◆ Problem description ◆
For the entries below, count the lines that contain the word "direction" and reply with that number only.

◇ ◇ ◇ ◇ ◇ ◇ ◇

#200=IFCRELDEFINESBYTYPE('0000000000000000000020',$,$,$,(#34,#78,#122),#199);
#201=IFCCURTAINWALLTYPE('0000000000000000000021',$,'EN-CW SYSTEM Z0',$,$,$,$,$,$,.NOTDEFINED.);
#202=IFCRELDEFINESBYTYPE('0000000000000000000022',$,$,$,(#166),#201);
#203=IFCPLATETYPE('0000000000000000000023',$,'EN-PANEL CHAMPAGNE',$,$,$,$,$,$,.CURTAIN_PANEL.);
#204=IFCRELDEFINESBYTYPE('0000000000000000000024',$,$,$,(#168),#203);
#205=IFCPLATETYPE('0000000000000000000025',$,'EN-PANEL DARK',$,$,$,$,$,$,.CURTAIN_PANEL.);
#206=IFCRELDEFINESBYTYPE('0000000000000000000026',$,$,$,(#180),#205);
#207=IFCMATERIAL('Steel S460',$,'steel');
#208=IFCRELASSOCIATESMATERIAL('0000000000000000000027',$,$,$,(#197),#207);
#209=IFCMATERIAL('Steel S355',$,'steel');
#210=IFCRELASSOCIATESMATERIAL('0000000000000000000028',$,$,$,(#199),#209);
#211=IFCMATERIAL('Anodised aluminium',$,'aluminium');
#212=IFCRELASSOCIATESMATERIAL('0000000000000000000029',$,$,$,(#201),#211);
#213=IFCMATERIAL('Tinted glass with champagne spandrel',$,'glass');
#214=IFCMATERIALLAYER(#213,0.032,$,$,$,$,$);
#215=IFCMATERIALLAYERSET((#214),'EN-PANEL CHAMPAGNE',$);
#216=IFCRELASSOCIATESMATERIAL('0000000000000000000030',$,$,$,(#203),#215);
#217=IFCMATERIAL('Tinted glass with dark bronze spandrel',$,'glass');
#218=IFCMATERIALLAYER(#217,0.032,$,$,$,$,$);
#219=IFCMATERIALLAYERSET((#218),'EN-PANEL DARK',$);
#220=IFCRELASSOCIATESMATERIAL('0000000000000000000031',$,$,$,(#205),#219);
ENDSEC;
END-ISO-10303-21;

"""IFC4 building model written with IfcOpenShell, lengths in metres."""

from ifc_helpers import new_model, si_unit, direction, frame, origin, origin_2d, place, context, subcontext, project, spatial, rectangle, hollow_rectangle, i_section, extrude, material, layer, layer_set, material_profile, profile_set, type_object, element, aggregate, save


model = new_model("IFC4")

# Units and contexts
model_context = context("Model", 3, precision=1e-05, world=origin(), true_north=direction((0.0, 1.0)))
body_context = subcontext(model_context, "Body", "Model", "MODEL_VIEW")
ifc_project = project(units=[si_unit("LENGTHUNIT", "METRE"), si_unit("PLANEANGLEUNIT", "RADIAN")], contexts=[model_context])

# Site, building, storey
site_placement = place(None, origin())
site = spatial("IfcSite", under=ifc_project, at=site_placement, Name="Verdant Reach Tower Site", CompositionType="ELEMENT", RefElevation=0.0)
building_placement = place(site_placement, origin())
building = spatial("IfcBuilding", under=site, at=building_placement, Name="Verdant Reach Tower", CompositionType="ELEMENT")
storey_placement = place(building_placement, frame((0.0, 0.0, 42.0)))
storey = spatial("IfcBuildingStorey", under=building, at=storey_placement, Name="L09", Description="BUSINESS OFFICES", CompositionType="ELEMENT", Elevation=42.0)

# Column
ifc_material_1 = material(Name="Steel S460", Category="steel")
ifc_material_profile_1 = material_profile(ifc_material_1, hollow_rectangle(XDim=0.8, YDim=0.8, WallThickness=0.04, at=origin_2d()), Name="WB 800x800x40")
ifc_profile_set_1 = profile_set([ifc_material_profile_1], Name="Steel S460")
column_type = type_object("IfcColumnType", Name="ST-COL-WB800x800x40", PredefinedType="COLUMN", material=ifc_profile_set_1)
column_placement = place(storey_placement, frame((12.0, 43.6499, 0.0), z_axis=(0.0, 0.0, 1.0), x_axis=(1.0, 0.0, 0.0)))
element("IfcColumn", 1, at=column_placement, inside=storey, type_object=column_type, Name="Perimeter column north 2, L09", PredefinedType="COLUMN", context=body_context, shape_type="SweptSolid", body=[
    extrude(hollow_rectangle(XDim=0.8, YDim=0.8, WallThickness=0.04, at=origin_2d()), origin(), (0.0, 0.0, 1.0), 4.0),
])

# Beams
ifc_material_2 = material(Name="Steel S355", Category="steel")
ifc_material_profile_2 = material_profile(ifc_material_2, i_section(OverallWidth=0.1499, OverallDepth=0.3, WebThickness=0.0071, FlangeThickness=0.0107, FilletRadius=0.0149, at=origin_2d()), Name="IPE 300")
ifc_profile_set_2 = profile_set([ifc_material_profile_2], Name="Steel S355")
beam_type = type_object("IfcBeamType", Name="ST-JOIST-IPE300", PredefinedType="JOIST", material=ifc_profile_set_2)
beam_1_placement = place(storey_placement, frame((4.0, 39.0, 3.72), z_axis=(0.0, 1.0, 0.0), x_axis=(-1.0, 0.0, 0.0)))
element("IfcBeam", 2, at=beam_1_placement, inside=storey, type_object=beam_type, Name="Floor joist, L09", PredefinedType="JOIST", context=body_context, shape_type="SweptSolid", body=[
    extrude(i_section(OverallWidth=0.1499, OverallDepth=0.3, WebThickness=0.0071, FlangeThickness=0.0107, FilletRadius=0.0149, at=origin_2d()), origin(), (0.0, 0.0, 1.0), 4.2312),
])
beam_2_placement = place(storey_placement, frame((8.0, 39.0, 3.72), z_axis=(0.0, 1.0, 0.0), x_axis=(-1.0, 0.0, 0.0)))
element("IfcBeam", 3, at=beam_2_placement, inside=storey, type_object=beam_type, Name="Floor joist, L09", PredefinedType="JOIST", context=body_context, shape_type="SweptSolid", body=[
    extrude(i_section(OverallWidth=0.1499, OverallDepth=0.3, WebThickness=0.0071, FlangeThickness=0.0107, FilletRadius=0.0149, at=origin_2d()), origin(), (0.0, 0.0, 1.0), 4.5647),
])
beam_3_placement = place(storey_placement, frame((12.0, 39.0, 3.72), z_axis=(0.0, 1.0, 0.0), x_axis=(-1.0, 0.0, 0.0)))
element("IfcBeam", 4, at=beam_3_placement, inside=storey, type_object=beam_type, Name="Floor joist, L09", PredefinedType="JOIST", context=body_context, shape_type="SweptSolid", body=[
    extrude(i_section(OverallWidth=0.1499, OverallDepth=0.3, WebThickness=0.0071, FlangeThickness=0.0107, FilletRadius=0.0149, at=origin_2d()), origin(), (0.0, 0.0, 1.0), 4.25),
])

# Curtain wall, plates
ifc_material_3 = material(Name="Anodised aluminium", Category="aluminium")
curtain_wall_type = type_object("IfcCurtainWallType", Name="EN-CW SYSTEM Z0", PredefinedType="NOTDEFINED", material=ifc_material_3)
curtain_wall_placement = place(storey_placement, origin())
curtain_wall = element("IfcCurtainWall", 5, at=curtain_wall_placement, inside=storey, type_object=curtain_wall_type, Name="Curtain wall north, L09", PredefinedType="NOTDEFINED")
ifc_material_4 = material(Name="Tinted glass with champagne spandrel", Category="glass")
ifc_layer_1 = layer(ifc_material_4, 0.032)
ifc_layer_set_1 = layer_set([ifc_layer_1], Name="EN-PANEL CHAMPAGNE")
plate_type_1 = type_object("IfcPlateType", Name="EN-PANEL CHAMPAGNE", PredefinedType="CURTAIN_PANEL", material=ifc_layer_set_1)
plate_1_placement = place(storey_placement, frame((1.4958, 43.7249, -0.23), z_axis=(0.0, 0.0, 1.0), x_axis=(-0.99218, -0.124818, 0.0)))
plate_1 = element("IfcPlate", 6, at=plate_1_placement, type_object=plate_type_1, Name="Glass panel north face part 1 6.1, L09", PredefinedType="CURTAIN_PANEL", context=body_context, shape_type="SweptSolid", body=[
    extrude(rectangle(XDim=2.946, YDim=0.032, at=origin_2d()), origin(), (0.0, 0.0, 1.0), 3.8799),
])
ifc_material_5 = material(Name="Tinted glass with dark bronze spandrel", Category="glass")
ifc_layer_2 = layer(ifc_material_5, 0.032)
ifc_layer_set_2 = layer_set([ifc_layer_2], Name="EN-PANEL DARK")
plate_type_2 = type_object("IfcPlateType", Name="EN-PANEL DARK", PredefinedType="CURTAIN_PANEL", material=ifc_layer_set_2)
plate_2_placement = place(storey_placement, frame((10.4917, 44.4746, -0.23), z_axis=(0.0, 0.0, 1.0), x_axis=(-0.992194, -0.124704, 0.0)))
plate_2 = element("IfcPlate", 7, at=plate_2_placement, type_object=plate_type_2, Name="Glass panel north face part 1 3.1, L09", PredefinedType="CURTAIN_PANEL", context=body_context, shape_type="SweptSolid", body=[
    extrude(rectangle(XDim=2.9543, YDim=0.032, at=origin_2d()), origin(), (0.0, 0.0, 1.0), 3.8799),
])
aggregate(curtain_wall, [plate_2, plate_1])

◇ ◇ ◇ ◇ ◇ ◇ ◇

◆ Answer to the problem ◆
2